## What needs to be done
In the listing below, how many lines contain the word "Stair"? Please respond with the number only.
[Start of Attachment]
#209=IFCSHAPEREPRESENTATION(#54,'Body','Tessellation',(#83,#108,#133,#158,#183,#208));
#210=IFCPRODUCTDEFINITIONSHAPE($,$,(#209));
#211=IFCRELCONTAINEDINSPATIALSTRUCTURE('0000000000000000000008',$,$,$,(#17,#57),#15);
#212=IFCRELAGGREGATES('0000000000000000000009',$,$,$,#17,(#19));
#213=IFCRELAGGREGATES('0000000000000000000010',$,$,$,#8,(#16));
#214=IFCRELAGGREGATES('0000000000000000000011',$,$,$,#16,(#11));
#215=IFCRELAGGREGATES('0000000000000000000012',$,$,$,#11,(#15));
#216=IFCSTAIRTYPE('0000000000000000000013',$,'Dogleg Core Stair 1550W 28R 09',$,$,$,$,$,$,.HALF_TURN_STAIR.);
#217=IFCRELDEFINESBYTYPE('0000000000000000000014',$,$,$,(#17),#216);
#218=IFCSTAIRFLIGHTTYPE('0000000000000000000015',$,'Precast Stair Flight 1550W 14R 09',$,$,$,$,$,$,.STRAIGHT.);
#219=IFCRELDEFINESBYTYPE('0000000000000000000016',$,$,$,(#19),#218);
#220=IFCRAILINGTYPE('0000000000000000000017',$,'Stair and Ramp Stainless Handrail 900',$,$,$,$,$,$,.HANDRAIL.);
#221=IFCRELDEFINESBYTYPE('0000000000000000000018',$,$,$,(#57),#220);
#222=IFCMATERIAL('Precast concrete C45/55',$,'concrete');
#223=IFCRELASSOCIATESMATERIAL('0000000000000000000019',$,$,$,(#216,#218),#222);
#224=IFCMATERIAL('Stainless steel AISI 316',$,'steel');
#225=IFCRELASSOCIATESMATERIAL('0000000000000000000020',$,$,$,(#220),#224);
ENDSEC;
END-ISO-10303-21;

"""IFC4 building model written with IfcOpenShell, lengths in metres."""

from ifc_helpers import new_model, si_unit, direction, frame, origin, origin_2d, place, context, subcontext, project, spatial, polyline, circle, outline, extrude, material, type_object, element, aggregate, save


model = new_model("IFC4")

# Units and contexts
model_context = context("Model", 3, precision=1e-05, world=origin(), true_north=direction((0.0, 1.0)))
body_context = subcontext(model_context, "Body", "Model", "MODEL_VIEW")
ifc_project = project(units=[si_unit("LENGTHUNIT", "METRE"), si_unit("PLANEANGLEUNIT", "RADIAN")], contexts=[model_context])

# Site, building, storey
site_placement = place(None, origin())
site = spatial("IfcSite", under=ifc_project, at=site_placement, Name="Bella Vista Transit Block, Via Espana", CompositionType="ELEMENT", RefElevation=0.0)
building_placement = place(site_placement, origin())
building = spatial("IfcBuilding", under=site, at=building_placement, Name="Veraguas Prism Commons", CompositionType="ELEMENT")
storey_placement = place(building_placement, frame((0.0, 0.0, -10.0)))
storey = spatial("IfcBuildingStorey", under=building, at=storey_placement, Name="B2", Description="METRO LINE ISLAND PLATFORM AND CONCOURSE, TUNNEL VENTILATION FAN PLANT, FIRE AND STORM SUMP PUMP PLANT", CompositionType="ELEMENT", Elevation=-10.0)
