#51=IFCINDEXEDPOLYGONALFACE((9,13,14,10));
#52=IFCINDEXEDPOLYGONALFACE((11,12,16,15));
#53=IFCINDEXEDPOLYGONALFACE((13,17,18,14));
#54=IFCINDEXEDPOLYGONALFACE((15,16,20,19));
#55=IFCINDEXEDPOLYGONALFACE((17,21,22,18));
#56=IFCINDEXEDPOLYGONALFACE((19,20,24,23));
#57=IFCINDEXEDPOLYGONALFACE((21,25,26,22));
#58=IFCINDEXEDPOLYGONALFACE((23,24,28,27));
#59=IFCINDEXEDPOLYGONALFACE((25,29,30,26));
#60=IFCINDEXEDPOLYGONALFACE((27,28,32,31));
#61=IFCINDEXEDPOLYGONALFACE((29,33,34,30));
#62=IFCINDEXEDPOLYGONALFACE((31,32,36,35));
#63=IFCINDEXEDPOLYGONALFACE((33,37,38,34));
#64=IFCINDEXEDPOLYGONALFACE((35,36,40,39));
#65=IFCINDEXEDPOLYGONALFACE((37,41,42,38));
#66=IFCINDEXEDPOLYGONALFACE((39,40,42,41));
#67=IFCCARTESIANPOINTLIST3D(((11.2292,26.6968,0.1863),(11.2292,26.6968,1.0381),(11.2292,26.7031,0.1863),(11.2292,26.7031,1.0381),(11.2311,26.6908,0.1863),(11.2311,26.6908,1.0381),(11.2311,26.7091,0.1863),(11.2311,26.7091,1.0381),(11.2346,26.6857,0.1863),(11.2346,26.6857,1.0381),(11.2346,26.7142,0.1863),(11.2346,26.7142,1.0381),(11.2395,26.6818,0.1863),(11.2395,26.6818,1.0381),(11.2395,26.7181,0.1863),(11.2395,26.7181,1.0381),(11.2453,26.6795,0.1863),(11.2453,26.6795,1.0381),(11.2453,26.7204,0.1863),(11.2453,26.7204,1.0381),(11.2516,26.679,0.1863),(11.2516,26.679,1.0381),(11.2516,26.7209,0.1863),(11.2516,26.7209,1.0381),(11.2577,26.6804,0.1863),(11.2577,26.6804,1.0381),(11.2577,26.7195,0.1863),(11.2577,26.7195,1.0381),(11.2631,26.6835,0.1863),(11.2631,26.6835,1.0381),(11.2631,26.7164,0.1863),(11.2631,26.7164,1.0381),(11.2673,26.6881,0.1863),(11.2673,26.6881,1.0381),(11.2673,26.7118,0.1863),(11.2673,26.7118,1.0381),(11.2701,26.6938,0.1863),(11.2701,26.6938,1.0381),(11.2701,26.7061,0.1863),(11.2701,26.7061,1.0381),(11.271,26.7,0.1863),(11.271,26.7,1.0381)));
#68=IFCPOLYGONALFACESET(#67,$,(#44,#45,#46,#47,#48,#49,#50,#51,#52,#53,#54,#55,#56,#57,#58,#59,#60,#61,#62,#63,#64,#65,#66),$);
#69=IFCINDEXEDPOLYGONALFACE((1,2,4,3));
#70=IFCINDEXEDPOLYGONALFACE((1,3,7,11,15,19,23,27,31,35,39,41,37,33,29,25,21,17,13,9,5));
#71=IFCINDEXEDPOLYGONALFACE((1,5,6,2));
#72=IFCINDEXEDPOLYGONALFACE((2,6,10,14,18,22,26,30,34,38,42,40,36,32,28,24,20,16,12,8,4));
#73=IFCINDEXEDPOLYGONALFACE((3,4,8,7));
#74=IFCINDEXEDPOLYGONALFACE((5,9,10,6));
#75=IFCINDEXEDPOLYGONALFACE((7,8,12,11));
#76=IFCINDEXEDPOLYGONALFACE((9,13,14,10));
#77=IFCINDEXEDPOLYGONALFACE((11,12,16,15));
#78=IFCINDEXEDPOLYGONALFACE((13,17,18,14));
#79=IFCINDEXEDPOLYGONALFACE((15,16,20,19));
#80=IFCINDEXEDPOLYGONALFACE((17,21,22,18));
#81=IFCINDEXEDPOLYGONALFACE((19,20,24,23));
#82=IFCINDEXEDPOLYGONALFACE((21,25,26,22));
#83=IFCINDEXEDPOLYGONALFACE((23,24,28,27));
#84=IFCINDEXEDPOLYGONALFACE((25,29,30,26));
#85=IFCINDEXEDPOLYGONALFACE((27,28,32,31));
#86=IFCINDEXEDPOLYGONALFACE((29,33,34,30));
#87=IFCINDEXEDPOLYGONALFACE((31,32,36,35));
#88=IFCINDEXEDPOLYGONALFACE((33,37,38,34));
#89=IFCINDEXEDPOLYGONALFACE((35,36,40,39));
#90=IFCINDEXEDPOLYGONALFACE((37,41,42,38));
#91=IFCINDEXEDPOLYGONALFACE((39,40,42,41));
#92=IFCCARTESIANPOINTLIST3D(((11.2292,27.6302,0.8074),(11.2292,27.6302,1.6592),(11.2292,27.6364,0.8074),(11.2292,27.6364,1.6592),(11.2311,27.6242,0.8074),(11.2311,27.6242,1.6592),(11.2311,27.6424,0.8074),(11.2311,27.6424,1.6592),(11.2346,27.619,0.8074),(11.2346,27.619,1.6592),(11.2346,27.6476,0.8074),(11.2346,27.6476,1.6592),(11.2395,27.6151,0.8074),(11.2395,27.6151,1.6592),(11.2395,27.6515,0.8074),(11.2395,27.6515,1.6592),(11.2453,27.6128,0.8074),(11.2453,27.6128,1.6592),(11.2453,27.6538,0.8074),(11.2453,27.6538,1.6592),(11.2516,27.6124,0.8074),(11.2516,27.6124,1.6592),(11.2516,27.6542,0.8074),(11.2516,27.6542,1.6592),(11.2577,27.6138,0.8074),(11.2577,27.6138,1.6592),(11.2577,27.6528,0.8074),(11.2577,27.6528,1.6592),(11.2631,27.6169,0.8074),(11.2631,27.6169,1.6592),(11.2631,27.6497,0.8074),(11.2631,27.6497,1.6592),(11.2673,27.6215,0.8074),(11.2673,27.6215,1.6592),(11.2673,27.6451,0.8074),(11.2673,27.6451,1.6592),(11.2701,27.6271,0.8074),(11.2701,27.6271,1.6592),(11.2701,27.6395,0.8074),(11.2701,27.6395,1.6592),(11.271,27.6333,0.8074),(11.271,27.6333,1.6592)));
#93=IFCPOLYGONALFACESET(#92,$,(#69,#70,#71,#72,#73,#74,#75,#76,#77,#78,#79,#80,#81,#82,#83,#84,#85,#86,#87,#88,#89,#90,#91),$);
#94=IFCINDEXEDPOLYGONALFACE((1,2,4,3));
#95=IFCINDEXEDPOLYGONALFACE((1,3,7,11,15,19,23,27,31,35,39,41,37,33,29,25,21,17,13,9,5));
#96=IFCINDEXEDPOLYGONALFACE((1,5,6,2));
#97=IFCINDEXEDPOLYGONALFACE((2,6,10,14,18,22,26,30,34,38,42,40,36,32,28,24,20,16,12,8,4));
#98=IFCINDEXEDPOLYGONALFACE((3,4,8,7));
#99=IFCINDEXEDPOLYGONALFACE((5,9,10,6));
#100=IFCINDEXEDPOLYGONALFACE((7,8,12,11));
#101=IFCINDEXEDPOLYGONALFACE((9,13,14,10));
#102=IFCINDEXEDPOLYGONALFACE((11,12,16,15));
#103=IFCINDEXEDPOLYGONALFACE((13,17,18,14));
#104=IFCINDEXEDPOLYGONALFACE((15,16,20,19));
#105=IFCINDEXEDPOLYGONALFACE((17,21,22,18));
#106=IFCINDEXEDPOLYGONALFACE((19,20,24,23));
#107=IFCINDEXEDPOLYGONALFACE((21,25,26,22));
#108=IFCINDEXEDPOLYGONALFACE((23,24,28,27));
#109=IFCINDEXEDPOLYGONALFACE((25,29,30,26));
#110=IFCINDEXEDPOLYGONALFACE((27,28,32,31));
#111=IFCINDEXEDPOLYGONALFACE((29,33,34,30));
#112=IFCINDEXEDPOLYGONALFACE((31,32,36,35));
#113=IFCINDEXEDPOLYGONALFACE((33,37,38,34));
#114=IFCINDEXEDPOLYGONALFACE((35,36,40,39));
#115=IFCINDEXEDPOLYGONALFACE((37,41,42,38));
[End of Attachment]
## Answer to the exercise
3